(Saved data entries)
============================================================

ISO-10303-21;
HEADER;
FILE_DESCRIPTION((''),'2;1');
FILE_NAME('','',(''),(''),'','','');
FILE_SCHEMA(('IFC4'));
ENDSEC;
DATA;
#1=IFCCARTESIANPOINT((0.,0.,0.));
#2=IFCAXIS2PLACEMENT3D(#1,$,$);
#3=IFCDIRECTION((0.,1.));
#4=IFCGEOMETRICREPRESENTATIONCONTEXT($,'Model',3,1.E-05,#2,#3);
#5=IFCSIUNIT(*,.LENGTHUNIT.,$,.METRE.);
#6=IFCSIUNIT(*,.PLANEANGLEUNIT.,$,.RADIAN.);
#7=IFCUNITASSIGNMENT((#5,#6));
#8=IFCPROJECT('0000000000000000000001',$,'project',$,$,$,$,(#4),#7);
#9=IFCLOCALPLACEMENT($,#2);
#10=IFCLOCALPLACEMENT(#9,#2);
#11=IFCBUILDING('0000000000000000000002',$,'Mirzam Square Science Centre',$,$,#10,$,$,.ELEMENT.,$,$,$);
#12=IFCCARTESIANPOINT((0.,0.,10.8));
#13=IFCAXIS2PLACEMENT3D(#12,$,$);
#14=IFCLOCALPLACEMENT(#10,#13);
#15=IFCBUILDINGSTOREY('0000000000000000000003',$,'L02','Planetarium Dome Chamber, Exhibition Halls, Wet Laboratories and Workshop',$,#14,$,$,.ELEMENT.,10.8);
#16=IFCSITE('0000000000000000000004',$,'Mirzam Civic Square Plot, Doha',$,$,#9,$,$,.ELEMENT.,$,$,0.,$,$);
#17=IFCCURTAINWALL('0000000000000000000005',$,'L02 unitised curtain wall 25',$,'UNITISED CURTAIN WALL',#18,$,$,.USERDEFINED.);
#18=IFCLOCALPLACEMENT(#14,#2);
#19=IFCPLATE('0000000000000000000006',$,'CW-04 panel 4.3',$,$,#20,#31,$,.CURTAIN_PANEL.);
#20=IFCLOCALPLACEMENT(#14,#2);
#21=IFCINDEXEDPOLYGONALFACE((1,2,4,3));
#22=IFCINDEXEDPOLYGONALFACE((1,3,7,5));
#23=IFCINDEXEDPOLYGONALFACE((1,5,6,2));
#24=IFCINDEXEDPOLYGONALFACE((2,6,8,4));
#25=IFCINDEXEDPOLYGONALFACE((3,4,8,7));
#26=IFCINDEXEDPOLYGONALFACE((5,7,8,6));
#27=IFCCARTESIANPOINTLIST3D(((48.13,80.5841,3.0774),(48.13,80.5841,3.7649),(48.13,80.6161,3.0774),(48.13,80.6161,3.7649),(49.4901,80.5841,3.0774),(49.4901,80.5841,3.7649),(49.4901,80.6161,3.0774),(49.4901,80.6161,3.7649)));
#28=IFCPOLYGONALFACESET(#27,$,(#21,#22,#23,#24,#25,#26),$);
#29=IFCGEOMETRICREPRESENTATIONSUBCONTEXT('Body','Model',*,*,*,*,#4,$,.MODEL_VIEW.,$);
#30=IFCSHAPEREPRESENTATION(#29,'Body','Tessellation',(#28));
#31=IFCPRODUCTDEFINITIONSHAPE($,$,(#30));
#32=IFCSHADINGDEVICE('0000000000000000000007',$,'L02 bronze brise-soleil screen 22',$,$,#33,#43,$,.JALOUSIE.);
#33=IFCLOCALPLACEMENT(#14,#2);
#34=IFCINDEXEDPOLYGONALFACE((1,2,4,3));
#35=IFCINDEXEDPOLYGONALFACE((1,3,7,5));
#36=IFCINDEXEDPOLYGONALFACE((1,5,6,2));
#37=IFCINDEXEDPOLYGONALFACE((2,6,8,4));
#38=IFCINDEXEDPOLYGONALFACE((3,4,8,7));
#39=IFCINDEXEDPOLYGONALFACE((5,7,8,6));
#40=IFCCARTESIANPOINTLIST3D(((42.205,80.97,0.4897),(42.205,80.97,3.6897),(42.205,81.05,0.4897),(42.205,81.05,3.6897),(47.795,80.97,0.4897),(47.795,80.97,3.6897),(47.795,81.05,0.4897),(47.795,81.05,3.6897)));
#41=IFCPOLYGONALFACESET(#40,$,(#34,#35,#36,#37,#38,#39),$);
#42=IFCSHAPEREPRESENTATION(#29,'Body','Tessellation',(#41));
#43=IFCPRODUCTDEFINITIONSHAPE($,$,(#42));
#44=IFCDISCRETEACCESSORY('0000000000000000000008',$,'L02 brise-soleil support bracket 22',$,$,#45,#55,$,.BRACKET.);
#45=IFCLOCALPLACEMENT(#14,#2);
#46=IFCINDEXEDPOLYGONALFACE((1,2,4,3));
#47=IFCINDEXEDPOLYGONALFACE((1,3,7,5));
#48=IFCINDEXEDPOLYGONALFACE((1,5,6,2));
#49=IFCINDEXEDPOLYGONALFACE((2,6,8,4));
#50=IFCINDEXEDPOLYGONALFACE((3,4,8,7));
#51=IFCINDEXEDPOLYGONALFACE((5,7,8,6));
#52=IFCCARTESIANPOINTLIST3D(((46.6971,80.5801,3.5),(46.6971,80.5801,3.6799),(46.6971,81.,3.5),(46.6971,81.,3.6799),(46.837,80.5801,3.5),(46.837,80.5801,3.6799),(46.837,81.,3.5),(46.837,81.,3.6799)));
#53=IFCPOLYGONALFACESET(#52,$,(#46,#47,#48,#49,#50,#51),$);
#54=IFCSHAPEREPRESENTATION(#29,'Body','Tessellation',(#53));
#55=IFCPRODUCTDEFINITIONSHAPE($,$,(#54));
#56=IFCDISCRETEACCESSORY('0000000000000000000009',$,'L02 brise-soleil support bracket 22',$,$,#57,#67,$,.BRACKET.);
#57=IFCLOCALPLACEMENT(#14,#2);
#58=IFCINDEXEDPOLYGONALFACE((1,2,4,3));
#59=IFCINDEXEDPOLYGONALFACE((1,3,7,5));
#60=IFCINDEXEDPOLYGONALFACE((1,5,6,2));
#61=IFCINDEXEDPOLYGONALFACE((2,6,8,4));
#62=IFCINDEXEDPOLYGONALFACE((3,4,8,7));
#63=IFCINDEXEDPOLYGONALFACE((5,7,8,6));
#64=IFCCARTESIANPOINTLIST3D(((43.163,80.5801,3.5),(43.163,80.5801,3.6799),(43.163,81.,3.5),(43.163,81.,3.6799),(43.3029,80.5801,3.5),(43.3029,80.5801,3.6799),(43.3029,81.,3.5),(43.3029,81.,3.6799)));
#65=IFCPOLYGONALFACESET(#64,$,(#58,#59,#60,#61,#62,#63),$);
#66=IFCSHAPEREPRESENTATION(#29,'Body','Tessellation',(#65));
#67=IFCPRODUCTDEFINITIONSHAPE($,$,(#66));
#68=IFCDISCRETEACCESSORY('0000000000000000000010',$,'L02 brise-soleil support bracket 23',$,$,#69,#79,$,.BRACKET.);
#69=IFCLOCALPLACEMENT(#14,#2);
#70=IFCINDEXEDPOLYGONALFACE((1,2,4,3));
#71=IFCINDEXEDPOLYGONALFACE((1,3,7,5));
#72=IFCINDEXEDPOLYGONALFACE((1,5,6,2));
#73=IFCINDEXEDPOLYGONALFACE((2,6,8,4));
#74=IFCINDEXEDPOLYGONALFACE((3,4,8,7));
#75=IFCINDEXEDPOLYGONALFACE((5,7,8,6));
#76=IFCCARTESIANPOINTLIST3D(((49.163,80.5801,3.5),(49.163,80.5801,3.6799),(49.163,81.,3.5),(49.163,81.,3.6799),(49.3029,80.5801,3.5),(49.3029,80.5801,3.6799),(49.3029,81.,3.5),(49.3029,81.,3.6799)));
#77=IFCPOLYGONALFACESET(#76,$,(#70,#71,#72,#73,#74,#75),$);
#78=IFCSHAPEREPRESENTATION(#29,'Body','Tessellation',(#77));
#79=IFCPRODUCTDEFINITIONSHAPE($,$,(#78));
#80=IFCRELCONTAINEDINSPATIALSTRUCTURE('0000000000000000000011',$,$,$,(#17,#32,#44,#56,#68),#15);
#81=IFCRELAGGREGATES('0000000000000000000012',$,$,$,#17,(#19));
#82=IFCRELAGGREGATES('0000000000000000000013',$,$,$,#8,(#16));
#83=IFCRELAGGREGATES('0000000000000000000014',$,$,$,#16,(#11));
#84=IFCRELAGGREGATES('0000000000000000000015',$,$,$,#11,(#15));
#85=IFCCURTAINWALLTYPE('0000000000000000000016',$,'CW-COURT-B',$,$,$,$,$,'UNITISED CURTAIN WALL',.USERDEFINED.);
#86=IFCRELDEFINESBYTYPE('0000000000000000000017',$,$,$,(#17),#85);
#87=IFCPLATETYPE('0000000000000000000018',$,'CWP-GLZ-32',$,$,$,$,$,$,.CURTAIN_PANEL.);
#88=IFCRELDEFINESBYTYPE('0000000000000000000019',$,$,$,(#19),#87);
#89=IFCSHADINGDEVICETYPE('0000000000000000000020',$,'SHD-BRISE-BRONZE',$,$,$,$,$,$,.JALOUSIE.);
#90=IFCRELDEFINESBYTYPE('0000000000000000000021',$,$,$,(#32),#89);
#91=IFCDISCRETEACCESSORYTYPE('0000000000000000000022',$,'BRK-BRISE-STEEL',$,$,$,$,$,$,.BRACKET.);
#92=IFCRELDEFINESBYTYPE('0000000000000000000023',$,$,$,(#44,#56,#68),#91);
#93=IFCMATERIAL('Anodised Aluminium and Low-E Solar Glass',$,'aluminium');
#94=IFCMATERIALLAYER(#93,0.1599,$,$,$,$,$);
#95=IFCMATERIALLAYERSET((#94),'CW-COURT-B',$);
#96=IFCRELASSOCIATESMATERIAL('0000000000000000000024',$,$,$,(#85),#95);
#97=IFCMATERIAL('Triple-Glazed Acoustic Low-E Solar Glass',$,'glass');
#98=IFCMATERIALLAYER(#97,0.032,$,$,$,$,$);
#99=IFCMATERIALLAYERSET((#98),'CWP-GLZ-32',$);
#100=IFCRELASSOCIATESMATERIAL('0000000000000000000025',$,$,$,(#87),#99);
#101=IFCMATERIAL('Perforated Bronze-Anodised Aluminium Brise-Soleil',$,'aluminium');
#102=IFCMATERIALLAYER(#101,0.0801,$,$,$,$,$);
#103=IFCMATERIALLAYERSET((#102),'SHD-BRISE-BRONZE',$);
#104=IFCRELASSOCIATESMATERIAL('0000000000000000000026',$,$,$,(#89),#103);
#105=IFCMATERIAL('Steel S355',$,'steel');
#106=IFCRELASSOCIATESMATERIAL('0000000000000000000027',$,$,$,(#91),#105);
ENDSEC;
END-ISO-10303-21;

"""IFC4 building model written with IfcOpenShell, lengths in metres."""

from ifc_helpers import new_model, si_unit, direction, frame, origin, origin_2d, place, context, subcontext, project, spatial, rectangle, extrude, material, layer, layer_set, type_object, element, aggregate, save


model = new_model("IFC4")

# Units and contexts
model_context = context("Model", 3, precision=1e-05, world=origin(), true_north=direction((0.0, 1.0)))
body_context = subcontext(model_context, "Body", "Model", "MODEL_VIEW")
ifc_project = project(units=[si_unit("LENGTHUNIT", "METRE"), si_unit("PLANEANGLEUNIT", "RADIAN")], contexts=[model_context])

# Site, building, storey
site_placement = place(None, origin())
site = spatial("IfcSite", under=ifc_project, at=site_placement, Name="Mirzam Civic Square Plot, Doha", CompositionType="ELEMENT", RefElevation=0.0)
building_placement = place(site_placement, origin())
building = spatial("IfcBuilding", under=site, at=building_placement, Name="Mirzam Square Science Centre", CompositionType="ELEMENT")
storey_placement = place(building_placement, frame((0.0, 0.0, 10.8)))
storey = spatial("IfcBuildingStorey", under=building, at=storey_placement, Name="L02", Description="Planetarium Dome Chamber, Exhibition Halls, Wet Laboratories and Workshop", CompositionType="ELEMENT", Elevation=10.8)

# Shared definitions
ifc_material_1 = material(Name="Steel S355", Category="steel")

# Curtain wall
ifc_material_2 = material(Name="Anodised Aluminium and Low-E Solar Glass", Category="aluminium")
ifc_layer_1 = layer(ifc_material_2, 0.1599)
ifc_layer_set_1 = layer_set([ifc_layer_1], Name="CW-COURT-B")
curtain_wall_type_1 = type_object("IfcCurtainWallType", Name="CW-COURT-B", ElementType="UNITISED CURTAIN WALL", PredefinedType="USERDEFINED", material=ifc_layer_set_1)
curtain_wall_1_placement = place(storey_placement, origin())
curtain_wall_1 = element("IfcCurtainWall", 1, at=curtain_wall_1_placement, inside=storey, type_object=curtain_wall_type_1, Name="L02 unitised curtain wall 25", ObjectType="UNITISED CURTAIN WALL", PredefinedType="USERDEFINED")

# Plate
ifc_material_3 = material(Name="Triple-Glazed Acoustic Low-E Solar Glass", Category="glass")
ifc_layer_2 = layer(ifc_material_3, 0.032)
ifc_layer_set_2 = layer_set([ifc_layer_2], Name="CWP-GLZ-32")
plate_type_1 = type_object("IfcPlateType", Name="CWP-GLZ-32", PredefinedType="CURTAIN_PANEL", material=ifc_layer_set_2)
plate_1_placement = place(storey_placement, frame((48.8101, 80.6001, 3.0774), z_axis=(0.0, 0.0, 1.0), x_axis=(-1.0, 0.0, 0.0)))
plate_1 = element("IfcPlate", 2, at=plate_1_placement, type_object=plate_type_1, Name="CW-04 panel 4.3", PredefinedType="CURTAIN_PANEL", context=body_context, shape_type="SweptSolid", body=[
    extrude(rectangle(XDim=1.3601, YDim=0.032, at=origin_2d()), origin(), (0.0, 0.0, 1.0), 0.6875),
])
aggregate(curtain_wall_1, [plate_1])

# Shading device
ifc_material_4 = material(Name="Perforated Bronze-Anodised Aluminium Brise-Soleil", Category="aluminium")
ifc_layer_3 = layer(ifc_material_4, 0.0801)
ifc_layer_set_3 = layer_set([ifc_layer_3], Name="SHD-BRISE-BRONZE")
shading_device_type = type_object("IfcShadingDeviceType", Name="SHD-BRISE-BRONZE", PredefinedType="JALOUSIE", material=ifc_layer_set_3)
shading_device_placement = place(storey_placement, frame((45.0, 81.01, 0.4897), z_axis=(0.0, 0.0, 1.0), x_axis=(-1.0, 0.0, 0.0)))
element("IfcShadingDevice", 3, at=shading_device_placement, inside=storey, type_object=shading_device_type, Name="L02 bronze brise-soleil screen 22", PredefinedType="JALOUSIE", context=body_context, shape_type="SweptSolid", body=[
    extrude(rectangle(XDim=5.5901, YDim=0.0801, at=origin_2d()), origin(), (0.0, 0.0, 1.0), 3.2),
])

# Discrete accessories
discrete_accessory_type = type_object("IfcDiscreteAccessoryType", Name="BRK-BRISE-STEEL", PredefinedType="BRACKET", material=ifc_material_1)
for number, where, z_axis, x_axis, name in (
    (4, (46.7671, 80.79, 3.5), (0.0, 0.0, 1.0), (-1.0, 0.0, 0.0), "L02 brise-soleil support bracket 22"),
    (5, (43.2329, 80.79, 3.5), (0.0, 0.0, 1.0), (-1.0, 0.0, 0.0), "L02 brise-soleil support bracket 22"),
    (6, (49.2329, 80.79, 3.5), (0.0, 0.0, 1.0), (-1.0, 0.0, 0.0), "L02 brise-soleil support bracket 23"),
):
    element("IfcDiscreteAccessory", number, at=place(storey_placement, frame(where, z_axis=z_axis, x_axis=x_axis)), inside=storey, type_object=discrete_accessory_type, Name=name, PredefinedType="BRACKET", context=body_context, shape_type="SweptSolid", body=[
        extrude(rectangle(XDim=0.1399, YDim=0.4199, at=origin_2d()), origin(), (0.0, 0.0, 1.0), 0.1799),
    ])

save(model, "model.ifc")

============================================================

• [WHAT IS REQUIRED]: Give only the number of lines in the records that contain the string "Tessellation".

• [PROBLEM SOLUTION]: 5